*THE PROBLEM:* Could the entries below be retyped exactly and in full?

*RECORDS:*
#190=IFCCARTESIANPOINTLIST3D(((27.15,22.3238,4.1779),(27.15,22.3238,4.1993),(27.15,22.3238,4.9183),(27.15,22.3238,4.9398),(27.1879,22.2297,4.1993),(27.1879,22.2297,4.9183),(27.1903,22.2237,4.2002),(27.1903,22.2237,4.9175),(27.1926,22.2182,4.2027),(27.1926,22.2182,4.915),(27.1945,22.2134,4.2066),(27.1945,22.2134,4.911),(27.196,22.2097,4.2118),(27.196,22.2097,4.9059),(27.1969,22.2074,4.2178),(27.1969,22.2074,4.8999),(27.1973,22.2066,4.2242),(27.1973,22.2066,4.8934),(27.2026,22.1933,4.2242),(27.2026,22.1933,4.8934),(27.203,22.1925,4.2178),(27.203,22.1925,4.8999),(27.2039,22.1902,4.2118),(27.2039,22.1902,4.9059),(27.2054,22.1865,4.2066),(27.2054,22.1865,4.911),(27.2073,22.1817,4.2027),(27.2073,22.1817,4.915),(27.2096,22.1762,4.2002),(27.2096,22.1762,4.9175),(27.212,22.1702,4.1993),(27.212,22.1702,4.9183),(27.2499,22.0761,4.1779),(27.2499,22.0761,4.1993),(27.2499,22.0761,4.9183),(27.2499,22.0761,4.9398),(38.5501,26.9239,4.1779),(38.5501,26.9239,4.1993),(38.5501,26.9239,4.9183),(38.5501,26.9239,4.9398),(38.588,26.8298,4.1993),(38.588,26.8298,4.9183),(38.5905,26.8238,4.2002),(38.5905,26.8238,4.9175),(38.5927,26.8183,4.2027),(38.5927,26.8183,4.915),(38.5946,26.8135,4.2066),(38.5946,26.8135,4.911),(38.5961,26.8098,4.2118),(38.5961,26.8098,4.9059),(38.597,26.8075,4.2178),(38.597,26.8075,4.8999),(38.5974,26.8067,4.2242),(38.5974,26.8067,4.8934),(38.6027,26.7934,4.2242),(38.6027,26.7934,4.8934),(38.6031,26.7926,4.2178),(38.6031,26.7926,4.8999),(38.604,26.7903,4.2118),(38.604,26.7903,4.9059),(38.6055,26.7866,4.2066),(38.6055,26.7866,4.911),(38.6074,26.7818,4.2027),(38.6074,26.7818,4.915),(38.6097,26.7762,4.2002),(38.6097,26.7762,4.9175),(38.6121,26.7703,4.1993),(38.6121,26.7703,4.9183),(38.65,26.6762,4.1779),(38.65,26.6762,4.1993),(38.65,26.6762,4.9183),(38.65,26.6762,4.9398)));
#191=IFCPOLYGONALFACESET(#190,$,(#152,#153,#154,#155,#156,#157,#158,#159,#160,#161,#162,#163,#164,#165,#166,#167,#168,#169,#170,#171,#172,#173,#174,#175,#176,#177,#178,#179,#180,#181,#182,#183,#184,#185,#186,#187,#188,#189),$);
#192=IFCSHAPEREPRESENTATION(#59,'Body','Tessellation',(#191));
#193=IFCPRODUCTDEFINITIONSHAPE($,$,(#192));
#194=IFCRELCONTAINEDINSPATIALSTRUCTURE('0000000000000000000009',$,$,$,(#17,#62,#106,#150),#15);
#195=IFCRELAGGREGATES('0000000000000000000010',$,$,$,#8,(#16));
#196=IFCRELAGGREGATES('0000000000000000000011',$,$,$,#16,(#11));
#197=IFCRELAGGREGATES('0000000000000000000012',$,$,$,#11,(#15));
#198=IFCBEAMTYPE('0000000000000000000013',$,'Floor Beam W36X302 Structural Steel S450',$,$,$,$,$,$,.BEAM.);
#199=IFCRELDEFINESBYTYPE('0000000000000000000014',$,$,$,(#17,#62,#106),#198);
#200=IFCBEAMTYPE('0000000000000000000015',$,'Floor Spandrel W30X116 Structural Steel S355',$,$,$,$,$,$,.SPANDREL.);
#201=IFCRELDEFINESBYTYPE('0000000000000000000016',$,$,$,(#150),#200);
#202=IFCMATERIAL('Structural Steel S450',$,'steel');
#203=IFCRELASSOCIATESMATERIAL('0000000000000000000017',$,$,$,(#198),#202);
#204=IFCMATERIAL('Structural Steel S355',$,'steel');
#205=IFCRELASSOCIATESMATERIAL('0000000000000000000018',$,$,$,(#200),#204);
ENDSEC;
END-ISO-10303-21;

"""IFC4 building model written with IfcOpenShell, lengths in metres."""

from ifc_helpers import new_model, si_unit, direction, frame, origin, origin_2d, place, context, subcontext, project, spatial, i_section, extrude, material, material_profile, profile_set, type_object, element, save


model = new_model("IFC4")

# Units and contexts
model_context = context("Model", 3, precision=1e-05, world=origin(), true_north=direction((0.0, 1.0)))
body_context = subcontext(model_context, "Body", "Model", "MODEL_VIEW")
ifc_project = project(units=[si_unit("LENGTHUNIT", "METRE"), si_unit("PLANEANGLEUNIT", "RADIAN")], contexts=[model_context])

*RESPONSE TO THIS TASK:*
#190=IFCCARTESIANPOINTLIST3D(((27.15,22.3238,4.1779),(27.15,22.3238,4.1993),(27.15,22.3238,4.9183),(27.15,22.3238,4.9398),(27.1879,22.2297,4.1993),(27.1879,22.2297,4.9183),(27.1903,22.2237,4.2002),(27.1903,22.2237,4.9175),(27.1926,22.2182,4.2027),(27.1926,22.2182,4.915),(27.1945,22.2134,4.2066),(27.1945,22.2134,4.911),(27.196,22.2097,4.2118),(27.196,22.2097,4.9059),(27.1969,22.2074,4.2178),(27.1969,22.2074,4.8999),(27.1973,22.2066,4.2242),(27.1973,22.2066,4.8934),(27.2026,22.1933,4.2242),(27.2026,22.1933,4.8934),(27.203,22.1925,4.2178),(27.203,22.1925,4.8999),(27.2039,22.1902,4.2118),(27.2039,22.1902,4.9059),(27.2054,22.1865,4.2066),(27.2054,22.1865,4.911),(27.2073,22.1817,4.2027),(27.2073,22.1817,4.915),(27.2096,22.1762,4.2002),(27.2096,22.1762,4.9175),(27.212,22.1702,4.1993),(27.212,22.1702,4.9183),(27.2499,22.0761,4.1779),(27.2499,22.0761,4.1993),(27.2499,22.0761,4.9183),(27.2499,22.0761,4.9398),(38.5501,26.9239,4.1779),(38.5501,26.9239,4.1993),(38.5501,26.9239,4.9183),(38.5501,26.9239,4.9398),(38.588,26.8298,4.1993),(38.588,26.8298,4.9183),(38.5905,26.8238,4.2002),(38.5905,26.8238,4.9175),(38.5927,26.8183,4.2027),(38.5927,26.8183,4.915),(38.5946,26.8135,4.2066),(38.5946,26.8135,4.911),(38.5961,26.8098,4.2118),(38.5961,26.8098,4.9059),(38.597,26.8075,4.2178),(38.597,26.8075,4.8999),(38.5974,26.8067,4.2242),(38.5974,26.8067,4.8934),(38.6027,26.7934,4.2242),(38.6027,26.7934,4.8934),(38.6031,26.7926,4.2178),(38.6031,26.7926,4.8999),(38.604,26.7903,4.2118),(38.604,26.7903,4.9059),(38.6055,26.7866,4.2066),(38.6055,26.7866,4.911),(38.6074,26.7818,4.2027),(38.6074,26.7818,4.915),(38.6097,26.7762,4.2002),(38.6097,26.7762,4.9175),(38.6121,26.7703,4.1993),(38.6121,26.7703,4.9183),(38.65,26.6762,4.1779),(38.65,26.6762,4.1993),(38.65,26.6762,4.9183),(38.65,26.6762,4.9398)));
#191=IFCPOLYGONALFACESET(#190,$,(#152,#153,#154,#155,#156,#157,#158,#159,#160,#161,#162,#163,#164,#165,#166,#167,#168,#169,#170,#171,#172,#173,#174,#175,#176,#177,#178,#179,#180,#181,#182,#183,#184,#185,#186,#187,#188,#189),$);
#192=IFCSHAPEREPRESENTATION(#59,'Body','Tessellation',(#191));
#193=IFCPRODUCTDEFINITIONSHAPE($,$,(#192));
#194=IFCRELCONTAINEDINSPATIALSTRUCTURE('0000000000000000000009',$,$,$,(#17,#62,#106,#150),#15);
#195=IFCRELAGGREGATES('0000000000000000000010',$,$,$,#8,(#16));
#196=IFCRELAGGREGATES('0000000000000000000011',$,$,$,#16,(#11));
#197=IFCRELAGGREGATES('0000000000000000000012',$,$,$,#11,(#15));
#198=IFCBEAMTYPE('0000000000000000000013',$,'Floor Beam W36X302 Structural Steel S450',$,$,$,$,$,$,.BEAM.);
#199=IFCRELDEFINESBYTYPE('0000000000000000000014',$,$,$,(#17,#62,#106),#198);
#200=IFCBEAMTYPE('0000000000000000000015',$,'Floor Spandrel W30X116 Structural Steel S355',$,$,$,$,$,$,.SPANDREL.);
#201=IFCRELDEFINESBYTYPE('0000000000000000000016',$,$,$,(#150),#200);
#202=IFCMATERIAL('Structural Steel S450',$,'steel');
#203=IFCRELASSOCIATESMATERIAL('0000000000000000000017',$,$,$,(#198),#202);
#204=IFCMATERIAL('Structural Steel S355',$,'steel');
#205=IFCRELASSOCIATESMATERIAL('0000000000000000000018',$,$,$,(#200),#204);
ENDSEC;
END-ISO-10303-21;

"""IFC4 building model written with IfcOpenShell, lengths in metres."""

from ifc_helpers import new_model, si_unit, direction, frame, origin, origin_2d, place, context, subcontext, project, spatial, i_section, extrude, material, material_profile, profile_set, type_object, element, save


model = new_model("IFC4")

# Units and contexts
model_context = context("Model", 3, precision=1e-05, world=origin(), true_north=direction((0.0, 1.0)))
body_context = subcontext(model_context, "Body", "Model", "MODEL_VIEW")
ifc_project = project(units=[si_unit("LENGTHUNIT", "METRE"), si_unit("PLANEANGLEUNIT", "RADIAN")], contexts=[model_context])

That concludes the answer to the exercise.